_Task brief:_ From the listing below, reproduce word for word the part that opens with the line containing "#145=IFCPRODUCTDEFINITIONSHAPE($,$,(#144));" and closes with the line containing "Core Wall 750',$,$,$,$,$,$,.SHEAR.);"; reproduce nothing else.

___

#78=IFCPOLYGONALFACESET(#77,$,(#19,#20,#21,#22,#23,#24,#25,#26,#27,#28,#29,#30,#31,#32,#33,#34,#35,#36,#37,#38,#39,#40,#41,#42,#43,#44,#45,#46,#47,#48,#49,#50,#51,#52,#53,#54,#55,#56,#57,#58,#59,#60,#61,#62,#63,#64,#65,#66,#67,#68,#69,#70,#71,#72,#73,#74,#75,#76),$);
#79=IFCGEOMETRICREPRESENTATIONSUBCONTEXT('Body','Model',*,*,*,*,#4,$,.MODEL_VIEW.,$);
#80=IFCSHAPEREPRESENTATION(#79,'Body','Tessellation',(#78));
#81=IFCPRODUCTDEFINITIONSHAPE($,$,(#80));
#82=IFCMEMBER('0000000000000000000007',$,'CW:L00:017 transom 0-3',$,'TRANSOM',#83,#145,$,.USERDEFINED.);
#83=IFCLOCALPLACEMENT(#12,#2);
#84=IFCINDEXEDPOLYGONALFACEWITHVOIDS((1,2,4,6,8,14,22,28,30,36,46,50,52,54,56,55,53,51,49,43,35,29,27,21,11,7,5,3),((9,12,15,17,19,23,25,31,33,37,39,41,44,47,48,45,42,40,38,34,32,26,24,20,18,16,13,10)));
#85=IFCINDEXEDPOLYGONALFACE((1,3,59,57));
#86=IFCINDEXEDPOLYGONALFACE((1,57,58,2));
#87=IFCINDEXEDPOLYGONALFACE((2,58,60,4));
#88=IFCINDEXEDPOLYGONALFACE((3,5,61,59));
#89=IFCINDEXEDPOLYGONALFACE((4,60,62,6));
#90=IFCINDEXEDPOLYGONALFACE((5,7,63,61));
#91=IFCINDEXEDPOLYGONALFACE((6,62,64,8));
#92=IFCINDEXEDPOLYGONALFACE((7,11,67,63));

___

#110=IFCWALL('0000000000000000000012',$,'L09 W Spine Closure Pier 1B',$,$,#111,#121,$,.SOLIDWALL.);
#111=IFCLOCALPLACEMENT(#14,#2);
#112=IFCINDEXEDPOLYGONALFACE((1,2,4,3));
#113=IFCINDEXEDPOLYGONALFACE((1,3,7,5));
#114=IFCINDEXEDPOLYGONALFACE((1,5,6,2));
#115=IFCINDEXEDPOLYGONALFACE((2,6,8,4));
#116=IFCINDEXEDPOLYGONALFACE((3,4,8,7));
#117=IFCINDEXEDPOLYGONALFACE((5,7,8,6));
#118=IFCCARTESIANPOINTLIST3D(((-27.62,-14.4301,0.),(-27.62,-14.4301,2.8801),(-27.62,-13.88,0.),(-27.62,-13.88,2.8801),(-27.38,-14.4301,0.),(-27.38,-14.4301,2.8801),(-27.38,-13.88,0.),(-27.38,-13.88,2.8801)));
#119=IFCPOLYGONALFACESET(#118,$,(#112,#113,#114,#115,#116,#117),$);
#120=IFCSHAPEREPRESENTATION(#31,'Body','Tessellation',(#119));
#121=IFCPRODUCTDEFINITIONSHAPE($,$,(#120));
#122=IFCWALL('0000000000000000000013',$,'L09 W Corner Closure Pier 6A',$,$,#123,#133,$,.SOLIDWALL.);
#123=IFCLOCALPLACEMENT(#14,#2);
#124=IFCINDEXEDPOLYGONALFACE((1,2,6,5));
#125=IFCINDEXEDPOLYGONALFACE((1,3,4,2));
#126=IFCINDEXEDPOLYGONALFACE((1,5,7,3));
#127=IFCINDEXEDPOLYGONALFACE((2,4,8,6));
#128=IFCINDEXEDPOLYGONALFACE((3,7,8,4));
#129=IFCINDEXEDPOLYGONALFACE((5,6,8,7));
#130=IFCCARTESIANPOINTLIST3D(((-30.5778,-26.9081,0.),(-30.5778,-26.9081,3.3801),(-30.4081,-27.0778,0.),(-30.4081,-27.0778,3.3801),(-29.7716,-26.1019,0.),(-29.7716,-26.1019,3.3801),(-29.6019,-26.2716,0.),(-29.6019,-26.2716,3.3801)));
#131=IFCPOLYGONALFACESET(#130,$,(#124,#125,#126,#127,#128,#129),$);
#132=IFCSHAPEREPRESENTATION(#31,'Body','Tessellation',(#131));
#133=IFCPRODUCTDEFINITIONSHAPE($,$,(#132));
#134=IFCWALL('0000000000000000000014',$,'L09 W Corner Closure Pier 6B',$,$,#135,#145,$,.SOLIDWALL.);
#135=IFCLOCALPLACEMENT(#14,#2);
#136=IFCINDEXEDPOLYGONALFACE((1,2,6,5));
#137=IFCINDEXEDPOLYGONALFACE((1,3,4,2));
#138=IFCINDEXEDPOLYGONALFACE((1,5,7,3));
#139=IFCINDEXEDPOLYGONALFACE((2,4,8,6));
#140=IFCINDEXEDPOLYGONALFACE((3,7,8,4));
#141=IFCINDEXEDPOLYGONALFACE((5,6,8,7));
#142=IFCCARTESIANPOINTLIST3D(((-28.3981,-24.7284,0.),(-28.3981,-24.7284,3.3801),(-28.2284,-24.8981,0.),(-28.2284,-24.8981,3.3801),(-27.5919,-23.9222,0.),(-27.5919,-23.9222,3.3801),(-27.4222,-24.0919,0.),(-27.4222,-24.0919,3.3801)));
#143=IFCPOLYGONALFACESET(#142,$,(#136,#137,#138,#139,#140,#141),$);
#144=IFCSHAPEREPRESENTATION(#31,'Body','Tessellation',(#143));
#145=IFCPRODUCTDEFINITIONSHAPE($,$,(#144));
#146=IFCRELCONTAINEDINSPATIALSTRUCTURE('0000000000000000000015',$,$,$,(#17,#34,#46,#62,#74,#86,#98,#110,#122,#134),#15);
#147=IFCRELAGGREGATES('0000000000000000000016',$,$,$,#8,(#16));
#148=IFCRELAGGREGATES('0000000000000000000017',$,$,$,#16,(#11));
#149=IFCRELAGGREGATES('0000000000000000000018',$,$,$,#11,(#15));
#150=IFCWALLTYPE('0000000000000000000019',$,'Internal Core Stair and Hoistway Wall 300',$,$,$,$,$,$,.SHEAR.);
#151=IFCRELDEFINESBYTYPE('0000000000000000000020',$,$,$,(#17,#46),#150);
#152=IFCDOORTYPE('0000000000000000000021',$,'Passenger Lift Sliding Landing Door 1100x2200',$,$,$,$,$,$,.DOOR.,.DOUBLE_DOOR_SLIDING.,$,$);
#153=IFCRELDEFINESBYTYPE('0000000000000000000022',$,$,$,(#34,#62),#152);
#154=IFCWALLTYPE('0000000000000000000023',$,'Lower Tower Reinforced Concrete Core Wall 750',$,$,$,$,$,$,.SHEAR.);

___

_Solution to this problem:_
#145=IFCPRODUCTDEFINITIONSHAPE($,$,(#144));
#146=IFCRELCONTAINEDINSPATIALSTRUCTURE('0000000000000000000015',$,$,$,(#17,#34,#46,#62,#74,#86,#98,#110,#122,#134),#15);
#147=IFCRELAGGREGATES('0000000000000000000016',$,$,$,#8,(#16));
#148=IFCRELAGGREGATES('0000000000000000000017',$,$,$,#16,(#11));
#149=IFCRELAGGREGATES('0000000000000000000018',$,$,$,#11,(#15));
#150=IFCWALLTYPE('0000000000000000000019',$,'Internal Core Stair and Hoistway Wall 300',$,$,$,$,$,$,.SHEAR.);
#151=IFCRELDEFINESBYTYPE('0000000000000000000020',$,$,$,(#17,#46),#150);
#152=IFCDOORTYPE('0000000000000000000021',$,'Passenger Lift Sliding Landing Door 1100x2200',$,$,$,$,$,$,.DOOR.,.DOUBLE_DOOR_SLIDING.,$,$);
#153=IFCRELDEFINESBYTYPE('0000000000000000000022',$,$,$,(#34,#62),#152);
#154=IFCWALLTYPE('0000000000000000000023',$,'Lower Tower Reinforced Concrete Core Wall 750',$,$,$,$,$,$,.SHEAR.);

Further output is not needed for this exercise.